* _Work order_: Return verbatim all lines from the first one in the records to the line with "#202=IFCRELAGGREGATES('0000000000000000000014',$,$,$,#8,(#16));", both ends kept.

* _Data excerpts_:
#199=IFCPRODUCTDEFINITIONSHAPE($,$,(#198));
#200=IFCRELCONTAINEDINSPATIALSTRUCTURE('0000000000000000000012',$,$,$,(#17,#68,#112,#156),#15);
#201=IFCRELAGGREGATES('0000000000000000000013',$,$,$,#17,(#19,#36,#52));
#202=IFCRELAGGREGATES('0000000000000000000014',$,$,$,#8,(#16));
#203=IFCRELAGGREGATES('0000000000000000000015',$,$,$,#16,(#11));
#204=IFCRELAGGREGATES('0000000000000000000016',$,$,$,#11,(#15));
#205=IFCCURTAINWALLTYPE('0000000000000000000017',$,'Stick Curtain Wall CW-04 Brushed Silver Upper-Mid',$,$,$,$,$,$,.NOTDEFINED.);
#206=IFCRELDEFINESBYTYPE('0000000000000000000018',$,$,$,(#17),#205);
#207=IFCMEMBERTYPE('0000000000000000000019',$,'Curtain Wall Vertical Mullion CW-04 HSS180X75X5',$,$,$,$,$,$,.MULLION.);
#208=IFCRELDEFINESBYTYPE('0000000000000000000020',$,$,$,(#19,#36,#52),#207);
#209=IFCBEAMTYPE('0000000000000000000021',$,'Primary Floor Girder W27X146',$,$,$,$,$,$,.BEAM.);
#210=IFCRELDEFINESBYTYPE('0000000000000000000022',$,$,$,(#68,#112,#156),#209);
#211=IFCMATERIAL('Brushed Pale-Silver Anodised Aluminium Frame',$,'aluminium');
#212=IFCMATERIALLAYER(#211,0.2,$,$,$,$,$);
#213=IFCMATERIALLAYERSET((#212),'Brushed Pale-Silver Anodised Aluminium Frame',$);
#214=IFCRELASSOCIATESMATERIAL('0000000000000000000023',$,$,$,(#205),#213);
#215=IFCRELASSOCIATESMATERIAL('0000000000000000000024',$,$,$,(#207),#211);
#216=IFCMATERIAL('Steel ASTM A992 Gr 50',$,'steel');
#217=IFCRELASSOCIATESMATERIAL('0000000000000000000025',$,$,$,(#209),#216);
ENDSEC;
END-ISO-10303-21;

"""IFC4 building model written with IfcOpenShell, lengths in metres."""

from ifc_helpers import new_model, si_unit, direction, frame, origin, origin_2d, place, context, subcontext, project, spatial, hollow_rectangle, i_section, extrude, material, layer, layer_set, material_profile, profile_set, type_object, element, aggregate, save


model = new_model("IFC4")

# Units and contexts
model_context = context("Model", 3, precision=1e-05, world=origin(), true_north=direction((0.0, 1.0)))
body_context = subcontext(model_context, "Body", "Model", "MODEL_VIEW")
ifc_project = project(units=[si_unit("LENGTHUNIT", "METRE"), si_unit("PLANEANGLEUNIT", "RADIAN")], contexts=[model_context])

* _Solved exercise_:
#199=IFCPRODUCTDEFINITIONSHAPE($,$,(#198));
#200=IFCRELCONTAINEDINSPATIALSTRUCTURE('0000000000000000000012',$,$,$,(#17,#68,#112,#156),#15);
#201=IFCRELAGGREGATES('0000000000000000000013',$,$,$,#17,(#19,#36,#52));
#202=IFCRELAGGREGATES('0000000000000000000014',$,$,$,#8,(#16));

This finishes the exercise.